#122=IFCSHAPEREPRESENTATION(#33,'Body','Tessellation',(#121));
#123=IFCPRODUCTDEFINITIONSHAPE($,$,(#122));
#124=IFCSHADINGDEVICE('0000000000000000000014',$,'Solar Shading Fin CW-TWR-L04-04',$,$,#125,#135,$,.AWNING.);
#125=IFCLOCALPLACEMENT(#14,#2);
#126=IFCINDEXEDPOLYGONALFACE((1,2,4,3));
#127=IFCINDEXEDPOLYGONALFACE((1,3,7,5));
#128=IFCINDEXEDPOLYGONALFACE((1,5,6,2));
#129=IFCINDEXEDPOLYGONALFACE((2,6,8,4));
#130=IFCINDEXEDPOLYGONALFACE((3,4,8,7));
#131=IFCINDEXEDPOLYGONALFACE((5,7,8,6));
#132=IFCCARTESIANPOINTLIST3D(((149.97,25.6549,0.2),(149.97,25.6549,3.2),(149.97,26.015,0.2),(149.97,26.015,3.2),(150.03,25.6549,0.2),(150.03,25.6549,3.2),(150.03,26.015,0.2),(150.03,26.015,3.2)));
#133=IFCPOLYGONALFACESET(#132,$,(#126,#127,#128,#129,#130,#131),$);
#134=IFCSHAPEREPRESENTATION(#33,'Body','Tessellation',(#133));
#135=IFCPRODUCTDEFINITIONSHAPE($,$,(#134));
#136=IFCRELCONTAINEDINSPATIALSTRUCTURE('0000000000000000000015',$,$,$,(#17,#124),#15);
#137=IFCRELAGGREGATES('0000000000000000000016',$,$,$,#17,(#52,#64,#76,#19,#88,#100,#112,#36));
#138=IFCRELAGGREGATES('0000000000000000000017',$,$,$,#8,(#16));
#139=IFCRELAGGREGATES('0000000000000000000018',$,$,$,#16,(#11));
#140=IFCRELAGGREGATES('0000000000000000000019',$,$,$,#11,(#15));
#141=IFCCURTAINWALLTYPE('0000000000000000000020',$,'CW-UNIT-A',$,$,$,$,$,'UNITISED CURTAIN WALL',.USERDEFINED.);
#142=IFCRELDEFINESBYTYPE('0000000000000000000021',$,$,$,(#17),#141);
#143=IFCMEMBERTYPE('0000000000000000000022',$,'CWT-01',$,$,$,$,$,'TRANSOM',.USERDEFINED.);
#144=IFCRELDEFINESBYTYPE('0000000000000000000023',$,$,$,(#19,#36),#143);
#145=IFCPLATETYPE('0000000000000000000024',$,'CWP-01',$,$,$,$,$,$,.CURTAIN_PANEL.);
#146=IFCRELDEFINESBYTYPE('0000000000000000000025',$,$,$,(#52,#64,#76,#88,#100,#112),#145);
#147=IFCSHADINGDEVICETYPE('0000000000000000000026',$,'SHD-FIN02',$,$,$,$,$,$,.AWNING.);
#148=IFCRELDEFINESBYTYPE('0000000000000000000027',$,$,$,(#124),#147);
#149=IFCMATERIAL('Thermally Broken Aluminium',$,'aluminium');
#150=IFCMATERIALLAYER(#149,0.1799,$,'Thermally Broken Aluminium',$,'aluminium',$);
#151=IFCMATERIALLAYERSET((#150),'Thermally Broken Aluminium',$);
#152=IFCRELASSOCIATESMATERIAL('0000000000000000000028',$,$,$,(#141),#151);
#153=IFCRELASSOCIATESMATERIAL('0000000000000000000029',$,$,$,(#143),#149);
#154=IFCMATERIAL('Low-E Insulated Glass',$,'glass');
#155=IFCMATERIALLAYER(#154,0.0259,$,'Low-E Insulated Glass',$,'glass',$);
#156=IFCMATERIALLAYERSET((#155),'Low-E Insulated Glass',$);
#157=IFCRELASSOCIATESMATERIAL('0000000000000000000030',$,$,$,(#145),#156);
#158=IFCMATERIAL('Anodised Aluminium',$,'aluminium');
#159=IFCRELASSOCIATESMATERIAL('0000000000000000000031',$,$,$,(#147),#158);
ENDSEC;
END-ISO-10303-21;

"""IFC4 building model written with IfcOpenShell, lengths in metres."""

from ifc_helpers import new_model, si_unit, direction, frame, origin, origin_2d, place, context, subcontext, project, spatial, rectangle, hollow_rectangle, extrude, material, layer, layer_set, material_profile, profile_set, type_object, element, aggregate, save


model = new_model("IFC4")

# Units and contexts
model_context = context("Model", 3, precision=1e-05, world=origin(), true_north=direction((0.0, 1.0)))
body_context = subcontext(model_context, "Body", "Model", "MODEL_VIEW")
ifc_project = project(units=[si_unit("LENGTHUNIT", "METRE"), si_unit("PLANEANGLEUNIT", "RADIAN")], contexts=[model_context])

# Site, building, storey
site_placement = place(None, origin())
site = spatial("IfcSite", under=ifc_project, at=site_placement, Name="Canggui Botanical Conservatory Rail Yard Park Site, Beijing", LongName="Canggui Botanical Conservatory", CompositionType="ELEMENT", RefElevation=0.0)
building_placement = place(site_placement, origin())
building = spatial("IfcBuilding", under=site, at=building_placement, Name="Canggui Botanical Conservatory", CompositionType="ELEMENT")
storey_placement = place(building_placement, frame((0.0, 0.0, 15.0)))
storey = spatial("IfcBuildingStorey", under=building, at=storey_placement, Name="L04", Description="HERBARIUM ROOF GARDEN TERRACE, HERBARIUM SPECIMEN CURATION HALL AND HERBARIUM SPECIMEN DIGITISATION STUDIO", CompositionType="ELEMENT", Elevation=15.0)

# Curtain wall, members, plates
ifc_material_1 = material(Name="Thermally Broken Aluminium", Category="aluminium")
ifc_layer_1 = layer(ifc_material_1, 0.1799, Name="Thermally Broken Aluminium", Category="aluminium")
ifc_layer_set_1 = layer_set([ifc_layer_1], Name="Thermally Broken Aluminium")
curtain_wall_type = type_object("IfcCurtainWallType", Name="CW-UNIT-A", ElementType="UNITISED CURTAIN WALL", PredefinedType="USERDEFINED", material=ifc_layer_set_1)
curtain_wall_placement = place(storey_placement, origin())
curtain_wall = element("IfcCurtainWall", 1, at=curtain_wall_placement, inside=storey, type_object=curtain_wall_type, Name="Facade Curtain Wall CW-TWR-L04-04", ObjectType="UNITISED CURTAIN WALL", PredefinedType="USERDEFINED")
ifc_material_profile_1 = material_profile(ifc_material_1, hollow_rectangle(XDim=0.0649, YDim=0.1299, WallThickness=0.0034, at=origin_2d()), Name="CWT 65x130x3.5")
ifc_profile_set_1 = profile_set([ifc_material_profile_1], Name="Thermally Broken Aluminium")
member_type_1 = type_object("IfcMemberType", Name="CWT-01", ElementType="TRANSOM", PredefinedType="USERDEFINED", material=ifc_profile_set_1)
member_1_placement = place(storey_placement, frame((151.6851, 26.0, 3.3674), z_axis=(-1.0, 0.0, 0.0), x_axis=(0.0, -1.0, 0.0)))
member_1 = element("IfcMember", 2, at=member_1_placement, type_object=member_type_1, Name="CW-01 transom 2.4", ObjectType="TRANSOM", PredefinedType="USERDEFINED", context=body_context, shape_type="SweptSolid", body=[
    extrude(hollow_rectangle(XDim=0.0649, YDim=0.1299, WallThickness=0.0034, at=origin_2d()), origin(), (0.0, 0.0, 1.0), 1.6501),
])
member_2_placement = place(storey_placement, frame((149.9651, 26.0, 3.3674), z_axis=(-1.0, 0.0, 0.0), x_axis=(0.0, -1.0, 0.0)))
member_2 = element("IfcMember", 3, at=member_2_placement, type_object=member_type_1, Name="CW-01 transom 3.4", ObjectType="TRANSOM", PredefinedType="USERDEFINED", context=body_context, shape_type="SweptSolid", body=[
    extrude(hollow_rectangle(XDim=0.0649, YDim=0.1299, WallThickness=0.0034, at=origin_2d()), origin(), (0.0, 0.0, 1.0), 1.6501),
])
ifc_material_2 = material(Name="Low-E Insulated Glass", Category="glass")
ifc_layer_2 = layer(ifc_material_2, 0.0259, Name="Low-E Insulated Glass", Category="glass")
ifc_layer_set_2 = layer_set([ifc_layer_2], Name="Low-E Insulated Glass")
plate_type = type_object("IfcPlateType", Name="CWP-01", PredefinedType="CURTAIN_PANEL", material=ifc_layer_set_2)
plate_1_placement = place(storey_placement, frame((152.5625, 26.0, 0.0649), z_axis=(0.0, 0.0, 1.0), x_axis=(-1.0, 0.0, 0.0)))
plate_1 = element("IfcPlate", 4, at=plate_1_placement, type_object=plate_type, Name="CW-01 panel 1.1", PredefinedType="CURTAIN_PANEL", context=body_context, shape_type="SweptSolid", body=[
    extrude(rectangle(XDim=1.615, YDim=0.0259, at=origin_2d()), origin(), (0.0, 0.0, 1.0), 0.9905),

• [Problem description]:
The lines holding the string "YDim" are what is needed from the material above.

• [Answer to the exercise]:
ifc_material_profile_1 = material_profile(ifc_material_1, hollow_rectangle(XDim=0.0649, YDim=0.1299, WallThickness=0.0034, at=origin_2d()), Name="CWT 65x130x3.5")
    extrude(hollow_rectangle(XDim=0.0649, YDim=0.1299, WallThickness=0.0034, at=origin_2d()), origin(), (0.0, 0.0, 1.0), 1.6501),
    extrude(hollow_rectangle(XDim=0.0649, YDim=0.1299, WallThickness=0.0034, at=origin_2d()), origin(), (0.0, 0.0, 1.0), 1.6501),
    extrude(rectangle(XDim=1.615, YDim=0.0259, at=origin_2d()), origin(), (0.0, 0.0, 1.0), 0.9905),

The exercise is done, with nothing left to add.